=== Section Start ===
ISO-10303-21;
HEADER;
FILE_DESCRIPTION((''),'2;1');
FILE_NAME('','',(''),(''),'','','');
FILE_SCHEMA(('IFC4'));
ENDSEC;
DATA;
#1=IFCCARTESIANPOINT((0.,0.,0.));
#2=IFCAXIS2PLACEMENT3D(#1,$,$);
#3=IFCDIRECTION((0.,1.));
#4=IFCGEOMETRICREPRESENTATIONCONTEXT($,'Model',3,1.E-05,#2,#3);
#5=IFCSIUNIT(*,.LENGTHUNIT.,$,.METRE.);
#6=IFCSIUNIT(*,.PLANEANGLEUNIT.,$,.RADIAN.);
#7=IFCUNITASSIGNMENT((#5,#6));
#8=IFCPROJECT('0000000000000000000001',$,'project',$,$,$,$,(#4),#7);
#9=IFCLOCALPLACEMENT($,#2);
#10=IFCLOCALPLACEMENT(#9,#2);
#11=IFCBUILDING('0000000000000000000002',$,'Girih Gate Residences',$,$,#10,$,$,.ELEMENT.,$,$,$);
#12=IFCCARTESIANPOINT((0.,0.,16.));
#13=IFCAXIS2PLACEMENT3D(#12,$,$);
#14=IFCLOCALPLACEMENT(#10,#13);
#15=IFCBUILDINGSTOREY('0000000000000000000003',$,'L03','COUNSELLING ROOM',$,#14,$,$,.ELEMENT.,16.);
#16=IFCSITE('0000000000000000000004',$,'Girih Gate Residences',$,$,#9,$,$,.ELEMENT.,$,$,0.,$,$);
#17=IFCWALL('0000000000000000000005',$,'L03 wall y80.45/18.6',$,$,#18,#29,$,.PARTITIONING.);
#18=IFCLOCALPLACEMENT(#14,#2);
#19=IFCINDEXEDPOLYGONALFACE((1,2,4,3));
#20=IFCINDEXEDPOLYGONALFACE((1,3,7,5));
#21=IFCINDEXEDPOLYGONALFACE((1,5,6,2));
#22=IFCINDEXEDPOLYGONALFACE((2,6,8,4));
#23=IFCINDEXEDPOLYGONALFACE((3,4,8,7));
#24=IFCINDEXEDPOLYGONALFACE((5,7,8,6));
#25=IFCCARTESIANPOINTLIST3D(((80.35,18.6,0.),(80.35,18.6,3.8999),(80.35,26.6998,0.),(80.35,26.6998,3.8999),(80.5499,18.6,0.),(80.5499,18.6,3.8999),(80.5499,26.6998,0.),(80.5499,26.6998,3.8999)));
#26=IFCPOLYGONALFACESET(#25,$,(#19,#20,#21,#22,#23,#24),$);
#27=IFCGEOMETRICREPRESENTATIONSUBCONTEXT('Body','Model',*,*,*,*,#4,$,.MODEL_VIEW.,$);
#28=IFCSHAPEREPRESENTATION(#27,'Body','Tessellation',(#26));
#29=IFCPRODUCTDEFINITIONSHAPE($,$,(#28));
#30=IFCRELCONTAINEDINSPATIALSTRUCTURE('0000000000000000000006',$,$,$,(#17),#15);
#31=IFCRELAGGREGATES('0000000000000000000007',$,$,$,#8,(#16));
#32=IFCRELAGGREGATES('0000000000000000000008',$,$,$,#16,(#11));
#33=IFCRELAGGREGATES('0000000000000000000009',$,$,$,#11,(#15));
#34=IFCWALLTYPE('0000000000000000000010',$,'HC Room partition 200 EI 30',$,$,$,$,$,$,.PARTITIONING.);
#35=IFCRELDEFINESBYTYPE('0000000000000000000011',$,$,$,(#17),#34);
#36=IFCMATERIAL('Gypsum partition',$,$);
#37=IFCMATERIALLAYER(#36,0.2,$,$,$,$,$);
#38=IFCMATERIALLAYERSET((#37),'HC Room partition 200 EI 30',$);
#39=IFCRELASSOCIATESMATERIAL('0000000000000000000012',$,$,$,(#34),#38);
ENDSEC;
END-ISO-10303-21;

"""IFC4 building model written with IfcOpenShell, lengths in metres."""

from ifc_helpers import new_model, si_unit, direction, frame, frame_2d, origin, place, context, subcontext, project, spatial, rectangle, extrude, material, layer, layer_set, type_object, element, save


model = new_model("IFC4")

# Units and contexts
model_context = context("Model", 3, precision=1e-05, world=origin(), true_north=direction((0.0, 1.0)))
body_context = subcontext(model_context, "Body", "Model", "MODEL_VIEW")
ifc_project = project(units=[si_unit("LENGTHUNIT", "METRE"), si_unit("PLANEANGLEUNIT", "RADIAN")], contexts=[model_context])

# Site, building, storey
site_placement = place(None, origin())
site = spatial("IfcSite", under=ifc_project, at=site_placement, Name="Girih Gate Residences", CompositionType="ELEMENT", RefElevation=0.0)
building_placement = place(site_placement, origin())
building = spatial("IfcBuilding", under=site, at=building_placement, Name="Girih Gate Residences", CompositionType="ELEMENT")
storey_placement = place(building_placement, frame((0.0, 0.0, 16.0)))
storey = spatial("IfcBuildingStorey", under=building, at=storey_placement, Name="L03", Description="COUNSELLING ROOM", CompositionType="ELEMENT", Elevation=16.0)

# Wall
ifc_material_1 = material(Name="Gypsum partition")
ifc_layer_1 = layer(ifc_material_1, 0.2)
ifc_layer_set_1 = layer_set([ifc_layer_1], Name="HC Room partition 200 EI 30")
wall_type_1 = type_object("IfcWallType", Name="HC Room partition 200 EI 30", PredefinedType="PARTITIONING", material=ifc_layer_set_1)
wall_1_placement = place(storey_placement, frame((80.45, 18.6001, 0.0), z_axis=(0.0, 0.0, 1.0), x_axis=(0.0, 1.0, 0.0)))
element("IfcWall", 1, at=wall_1_placement, inside=storey, type_object=wall_type_1, Name="L03 wall y80.45/18.6", PredefinedType="PARTITIONING", context=body_context, shape_type="SweptSolid", body=[
    extrude(rectangle(XDim=8.0999, YDim=0.2, at=frame_2d((4.0498, 0.0))), origin(), (0.0, 0.0, 1.0), 3.8999),
])

save(model, "model.ifc")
=== Section End ===
- Action item -
Using the records above, count every line that includes the word "IFCINDEXEDPOLYGONALFACE", and state the number only.

- Solution -
6